§ Recorded information

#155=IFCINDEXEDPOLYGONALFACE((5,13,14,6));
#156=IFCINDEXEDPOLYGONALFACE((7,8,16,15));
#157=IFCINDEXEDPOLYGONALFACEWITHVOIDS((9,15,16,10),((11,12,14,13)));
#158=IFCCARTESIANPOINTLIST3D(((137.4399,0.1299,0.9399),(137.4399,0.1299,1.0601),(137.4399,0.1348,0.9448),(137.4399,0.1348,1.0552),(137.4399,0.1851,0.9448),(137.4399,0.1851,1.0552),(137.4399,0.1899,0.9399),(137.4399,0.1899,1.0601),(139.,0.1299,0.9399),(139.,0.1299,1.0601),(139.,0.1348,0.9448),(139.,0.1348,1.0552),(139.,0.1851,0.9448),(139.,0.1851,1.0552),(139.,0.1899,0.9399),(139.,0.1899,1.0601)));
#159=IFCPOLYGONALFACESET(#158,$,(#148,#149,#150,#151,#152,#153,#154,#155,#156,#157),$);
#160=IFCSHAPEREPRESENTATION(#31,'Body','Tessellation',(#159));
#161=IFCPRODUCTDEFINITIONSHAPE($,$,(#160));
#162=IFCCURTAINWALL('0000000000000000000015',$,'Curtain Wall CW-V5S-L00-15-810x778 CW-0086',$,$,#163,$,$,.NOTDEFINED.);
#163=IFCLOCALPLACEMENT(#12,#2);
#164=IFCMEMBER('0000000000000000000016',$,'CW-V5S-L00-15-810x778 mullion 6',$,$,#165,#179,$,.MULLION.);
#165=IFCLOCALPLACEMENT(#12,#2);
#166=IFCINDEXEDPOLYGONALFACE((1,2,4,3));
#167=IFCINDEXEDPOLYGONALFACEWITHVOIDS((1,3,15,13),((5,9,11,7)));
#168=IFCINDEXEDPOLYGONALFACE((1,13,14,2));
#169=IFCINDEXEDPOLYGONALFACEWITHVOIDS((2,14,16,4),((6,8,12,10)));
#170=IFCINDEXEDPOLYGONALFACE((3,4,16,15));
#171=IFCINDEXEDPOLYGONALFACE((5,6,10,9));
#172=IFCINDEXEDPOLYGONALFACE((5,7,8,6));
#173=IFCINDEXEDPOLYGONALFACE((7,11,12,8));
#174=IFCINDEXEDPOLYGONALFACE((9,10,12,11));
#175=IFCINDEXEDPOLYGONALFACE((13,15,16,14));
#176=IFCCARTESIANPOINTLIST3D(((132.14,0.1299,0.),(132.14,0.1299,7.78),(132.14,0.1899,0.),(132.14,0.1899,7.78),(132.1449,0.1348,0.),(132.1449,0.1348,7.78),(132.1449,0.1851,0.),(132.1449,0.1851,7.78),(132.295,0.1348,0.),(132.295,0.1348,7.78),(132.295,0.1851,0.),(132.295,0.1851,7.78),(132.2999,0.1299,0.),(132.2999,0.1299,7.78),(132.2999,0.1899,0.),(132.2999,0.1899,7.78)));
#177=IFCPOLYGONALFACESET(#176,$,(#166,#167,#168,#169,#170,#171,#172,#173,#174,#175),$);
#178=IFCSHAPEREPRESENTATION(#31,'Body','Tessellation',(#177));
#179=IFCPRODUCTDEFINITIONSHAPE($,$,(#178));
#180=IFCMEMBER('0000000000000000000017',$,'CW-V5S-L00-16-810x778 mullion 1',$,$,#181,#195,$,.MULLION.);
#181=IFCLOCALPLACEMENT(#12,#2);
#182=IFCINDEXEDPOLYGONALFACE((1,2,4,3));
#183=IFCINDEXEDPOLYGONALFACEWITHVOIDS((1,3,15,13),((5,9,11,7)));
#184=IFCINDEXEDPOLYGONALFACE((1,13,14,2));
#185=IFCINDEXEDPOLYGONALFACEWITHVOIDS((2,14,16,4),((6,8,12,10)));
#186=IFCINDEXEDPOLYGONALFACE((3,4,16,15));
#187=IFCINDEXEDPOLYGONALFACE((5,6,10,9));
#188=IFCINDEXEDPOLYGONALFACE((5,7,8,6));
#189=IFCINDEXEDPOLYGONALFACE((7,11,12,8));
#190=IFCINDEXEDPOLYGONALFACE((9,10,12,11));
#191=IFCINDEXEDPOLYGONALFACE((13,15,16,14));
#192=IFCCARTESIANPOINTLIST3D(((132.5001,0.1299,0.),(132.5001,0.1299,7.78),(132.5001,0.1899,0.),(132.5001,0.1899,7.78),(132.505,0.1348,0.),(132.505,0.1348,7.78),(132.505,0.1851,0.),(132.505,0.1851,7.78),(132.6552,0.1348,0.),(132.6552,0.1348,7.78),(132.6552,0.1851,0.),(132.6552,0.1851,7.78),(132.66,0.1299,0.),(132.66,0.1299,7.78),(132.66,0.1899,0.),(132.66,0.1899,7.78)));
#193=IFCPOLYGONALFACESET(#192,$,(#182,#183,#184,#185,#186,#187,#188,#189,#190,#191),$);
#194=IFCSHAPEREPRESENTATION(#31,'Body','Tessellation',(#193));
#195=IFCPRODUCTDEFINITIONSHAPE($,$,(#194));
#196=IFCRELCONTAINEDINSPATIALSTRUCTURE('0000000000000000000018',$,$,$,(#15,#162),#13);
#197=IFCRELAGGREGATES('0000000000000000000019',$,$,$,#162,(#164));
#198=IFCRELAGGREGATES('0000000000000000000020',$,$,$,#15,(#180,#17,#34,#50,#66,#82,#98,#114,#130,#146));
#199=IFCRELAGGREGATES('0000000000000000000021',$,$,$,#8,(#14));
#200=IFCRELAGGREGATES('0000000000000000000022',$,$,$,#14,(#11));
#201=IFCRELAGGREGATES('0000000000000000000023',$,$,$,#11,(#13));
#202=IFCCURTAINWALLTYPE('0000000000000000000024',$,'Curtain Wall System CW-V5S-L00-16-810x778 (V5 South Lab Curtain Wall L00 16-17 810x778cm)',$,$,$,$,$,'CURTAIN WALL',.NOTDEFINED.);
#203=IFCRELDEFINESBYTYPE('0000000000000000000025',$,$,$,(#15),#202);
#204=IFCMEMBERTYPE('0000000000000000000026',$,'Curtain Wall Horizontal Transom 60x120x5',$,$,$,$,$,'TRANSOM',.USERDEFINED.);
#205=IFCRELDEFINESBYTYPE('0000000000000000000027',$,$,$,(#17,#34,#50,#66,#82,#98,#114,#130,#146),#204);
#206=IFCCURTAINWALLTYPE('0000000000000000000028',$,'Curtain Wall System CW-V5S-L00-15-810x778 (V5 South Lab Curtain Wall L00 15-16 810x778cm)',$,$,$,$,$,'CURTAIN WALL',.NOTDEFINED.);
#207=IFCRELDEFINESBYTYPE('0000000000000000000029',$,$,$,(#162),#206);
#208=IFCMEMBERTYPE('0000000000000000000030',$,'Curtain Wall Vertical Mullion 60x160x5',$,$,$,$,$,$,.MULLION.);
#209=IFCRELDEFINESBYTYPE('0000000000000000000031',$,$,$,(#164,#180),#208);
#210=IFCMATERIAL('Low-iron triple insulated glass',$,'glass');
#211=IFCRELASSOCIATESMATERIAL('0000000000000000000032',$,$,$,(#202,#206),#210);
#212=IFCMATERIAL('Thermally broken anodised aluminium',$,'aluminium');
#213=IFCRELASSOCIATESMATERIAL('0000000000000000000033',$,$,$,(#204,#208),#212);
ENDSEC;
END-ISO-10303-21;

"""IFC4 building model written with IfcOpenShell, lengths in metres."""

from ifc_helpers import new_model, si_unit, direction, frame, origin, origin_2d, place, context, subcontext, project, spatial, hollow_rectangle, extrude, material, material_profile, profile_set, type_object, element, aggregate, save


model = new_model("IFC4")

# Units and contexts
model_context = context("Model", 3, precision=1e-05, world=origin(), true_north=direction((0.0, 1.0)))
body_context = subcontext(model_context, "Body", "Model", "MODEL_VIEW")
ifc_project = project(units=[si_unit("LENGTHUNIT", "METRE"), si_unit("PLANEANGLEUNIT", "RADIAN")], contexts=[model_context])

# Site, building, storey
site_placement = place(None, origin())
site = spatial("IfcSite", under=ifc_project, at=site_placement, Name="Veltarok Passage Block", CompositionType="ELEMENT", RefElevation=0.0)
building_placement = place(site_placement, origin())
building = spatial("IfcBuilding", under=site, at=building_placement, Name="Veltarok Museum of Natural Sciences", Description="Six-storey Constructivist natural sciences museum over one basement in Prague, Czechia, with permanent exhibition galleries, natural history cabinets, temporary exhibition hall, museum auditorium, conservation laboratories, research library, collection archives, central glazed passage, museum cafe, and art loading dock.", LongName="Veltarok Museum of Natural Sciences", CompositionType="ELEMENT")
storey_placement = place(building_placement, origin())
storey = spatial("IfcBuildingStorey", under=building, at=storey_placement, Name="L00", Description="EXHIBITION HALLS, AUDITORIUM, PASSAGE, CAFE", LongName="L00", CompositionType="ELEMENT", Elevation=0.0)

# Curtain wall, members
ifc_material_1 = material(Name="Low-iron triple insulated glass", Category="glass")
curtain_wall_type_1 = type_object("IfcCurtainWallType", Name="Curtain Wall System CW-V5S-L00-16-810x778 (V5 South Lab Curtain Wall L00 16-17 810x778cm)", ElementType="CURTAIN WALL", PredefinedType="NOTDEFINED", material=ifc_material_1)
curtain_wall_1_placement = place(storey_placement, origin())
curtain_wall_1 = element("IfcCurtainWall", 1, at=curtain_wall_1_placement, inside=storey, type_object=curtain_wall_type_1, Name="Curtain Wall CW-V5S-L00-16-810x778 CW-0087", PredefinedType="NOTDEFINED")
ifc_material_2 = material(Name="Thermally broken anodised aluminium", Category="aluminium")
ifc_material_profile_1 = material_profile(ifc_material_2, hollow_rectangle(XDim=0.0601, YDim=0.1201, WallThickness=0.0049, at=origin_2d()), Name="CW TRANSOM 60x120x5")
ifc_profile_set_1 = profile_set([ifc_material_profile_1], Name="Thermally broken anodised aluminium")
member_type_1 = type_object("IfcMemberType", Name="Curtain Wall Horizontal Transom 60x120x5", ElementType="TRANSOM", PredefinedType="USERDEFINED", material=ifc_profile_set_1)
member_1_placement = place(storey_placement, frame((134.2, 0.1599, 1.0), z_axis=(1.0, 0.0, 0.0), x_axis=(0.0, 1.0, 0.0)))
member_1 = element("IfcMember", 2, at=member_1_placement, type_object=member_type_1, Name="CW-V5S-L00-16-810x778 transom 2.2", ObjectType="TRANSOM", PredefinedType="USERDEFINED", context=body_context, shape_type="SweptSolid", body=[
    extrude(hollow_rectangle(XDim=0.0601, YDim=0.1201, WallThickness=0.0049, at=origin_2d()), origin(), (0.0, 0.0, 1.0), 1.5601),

* * *

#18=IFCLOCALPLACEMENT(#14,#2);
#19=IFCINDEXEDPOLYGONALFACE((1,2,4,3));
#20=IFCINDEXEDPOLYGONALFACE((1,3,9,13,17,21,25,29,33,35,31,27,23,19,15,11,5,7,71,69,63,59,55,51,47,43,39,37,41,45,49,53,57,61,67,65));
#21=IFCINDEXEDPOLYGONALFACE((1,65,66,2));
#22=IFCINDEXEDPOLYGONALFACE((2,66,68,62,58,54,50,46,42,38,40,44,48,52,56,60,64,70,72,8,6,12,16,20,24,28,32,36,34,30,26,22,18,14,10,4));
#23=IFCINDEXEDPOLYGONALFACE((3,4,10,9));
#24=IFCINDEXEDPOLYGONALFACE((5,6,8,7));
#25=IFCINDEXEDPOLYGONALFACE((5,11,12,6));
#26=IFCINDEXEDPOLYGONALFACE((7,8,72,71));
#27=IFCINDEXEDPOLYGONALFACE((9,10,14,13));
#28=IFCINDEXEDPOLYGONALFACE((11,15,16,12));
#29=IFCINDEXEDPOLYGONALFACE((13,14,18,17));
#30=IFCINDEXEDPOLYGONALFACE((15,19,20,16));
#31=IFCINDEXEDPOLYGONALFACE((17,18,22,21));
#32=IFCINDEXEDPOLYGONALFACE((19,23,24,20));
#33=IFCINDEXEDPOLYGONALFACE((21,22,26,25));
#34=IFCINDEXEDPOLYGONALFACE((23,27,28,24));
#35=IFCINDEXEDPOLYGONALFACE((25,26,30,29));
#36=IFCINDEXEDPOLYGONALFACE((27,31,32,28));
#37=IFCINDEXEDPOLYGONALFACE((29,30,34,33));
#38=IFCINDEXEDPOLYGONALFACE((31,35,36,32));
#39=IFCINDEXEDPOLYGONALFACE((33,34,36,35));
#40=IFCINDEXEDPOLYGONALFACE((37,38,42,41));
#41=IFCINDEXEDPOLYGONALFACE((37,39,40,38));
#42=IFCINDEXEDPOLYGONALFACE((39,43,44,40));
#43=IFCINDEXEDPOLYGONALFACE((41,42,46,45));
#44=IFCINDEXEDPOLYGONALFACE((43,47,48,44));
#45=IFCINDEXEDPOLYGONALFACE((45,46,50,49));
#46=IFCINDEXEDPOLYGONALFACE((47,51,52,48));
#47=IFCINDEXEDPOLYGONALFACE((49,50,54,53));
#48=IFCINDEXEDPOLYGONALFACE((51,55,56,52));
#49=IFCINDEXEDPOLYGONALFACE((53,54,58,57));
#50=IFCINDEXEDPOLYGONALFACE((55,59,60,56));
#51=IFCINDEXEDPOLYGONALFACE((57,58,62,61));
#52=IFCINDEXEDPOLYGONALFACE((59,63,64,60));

==

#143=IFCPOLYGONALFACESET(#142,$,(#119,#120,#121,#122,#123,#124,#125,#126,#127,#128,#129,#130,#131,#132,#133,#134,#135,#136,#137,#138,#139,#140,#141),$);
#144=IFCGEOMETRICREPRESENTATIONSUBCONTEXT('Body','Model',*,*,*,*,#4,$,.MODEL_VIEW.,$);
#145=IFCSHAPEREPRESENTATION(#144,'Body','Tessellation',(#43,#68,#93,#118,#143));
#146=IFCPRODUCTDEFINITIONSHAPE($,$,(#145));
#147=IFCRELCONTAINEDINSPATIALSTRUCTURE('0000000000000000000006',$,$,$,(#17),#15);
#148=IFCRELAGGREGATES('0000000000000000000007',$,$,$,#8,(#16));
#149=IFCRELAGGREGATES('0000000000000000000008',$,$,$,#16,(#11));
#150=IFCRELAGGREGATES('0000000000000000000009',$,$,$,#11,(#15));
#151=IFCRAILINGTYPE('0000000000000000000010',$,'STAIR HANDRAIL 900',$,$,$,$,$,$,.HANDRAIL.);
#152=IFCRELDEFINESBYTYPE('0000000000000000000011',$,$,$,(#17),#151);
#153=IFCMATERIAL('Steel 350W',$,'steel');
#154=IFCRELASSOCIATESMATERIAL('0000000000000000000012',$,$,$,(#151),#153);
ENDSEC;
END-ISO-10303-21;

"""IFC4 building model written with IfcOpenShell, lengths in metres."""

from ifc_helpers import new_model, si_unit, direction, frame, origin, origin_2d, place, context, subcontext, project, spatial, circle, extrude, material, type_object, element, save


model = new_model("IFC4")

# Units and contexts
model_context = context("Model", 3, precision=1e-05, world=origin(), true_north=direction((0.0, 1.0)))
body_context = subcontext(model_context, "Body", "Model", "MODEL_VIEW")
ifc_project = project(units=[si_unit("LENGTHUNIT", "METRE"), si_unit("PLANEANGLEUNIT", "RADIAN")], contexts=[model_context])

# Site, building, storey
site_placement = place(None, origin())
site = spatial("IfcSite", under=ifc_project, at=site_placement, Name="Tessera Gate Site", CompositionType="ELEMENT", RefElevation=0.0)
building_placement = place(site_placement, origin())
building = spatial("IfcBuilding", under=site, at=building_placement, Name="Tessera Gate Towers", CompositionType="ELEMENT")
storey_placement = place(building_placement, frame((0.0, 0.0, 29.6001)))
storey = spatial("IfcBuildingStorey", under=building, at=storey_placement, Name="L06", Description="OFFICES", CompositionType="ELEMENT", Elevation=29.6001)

§ Description of the task
The lines above, starting at the one with "#155=IFCINDEXEDPOLYGONALFACE((5,13,14,6));" and ending at the one with "#160=IFCSHAPEREPRESENTATION(#31,'Body','Tessellation',(#159));", are the only ones to return, exactly as written.

§ Task output
#155=IFCINDEXEDPOLYGONALFACE((5,13,14,6));
#156=IFCINDEXEDPOLYGONALFACE((7,8,16,15));
#157=IFCINDEXEDPOLYGONALFACEWITHVOIDS((9,15,16,10),((11,12,14,13)));
#158=IFCCARTESIANPOINTLIST3D(((137.4399,0.1299,0.9399),(137.4399,0.1299,1.0601),(137.4399,0.1348,0.9448),(137.4399,0.1348,1.0552),(137.4399,0.1851,0.9448),(137.4399,0.1851,1.0552),(137.4399,0.1899,0.9399),(137.4399,0.1899,1.0601),(139.,0.1299,0.9399),(139.,0.1299,1.0601),(139.,0.1348,0.9448),(139.,0.1348,1.0552),(139.,0.1851,0.9448),(139.,0.1851,1.0552),(139.,0.1899,0.9399),(139.,0.1899,1.0601)));
#159=IFCPOLYGONALFACESET(#158,$,(#148,#149,#150,#151,#152,#153,#154,#155,#156,#157),$);
#160=IFCSHAPEREPRESENTATION(#31,'Body','Tessellation',(#159));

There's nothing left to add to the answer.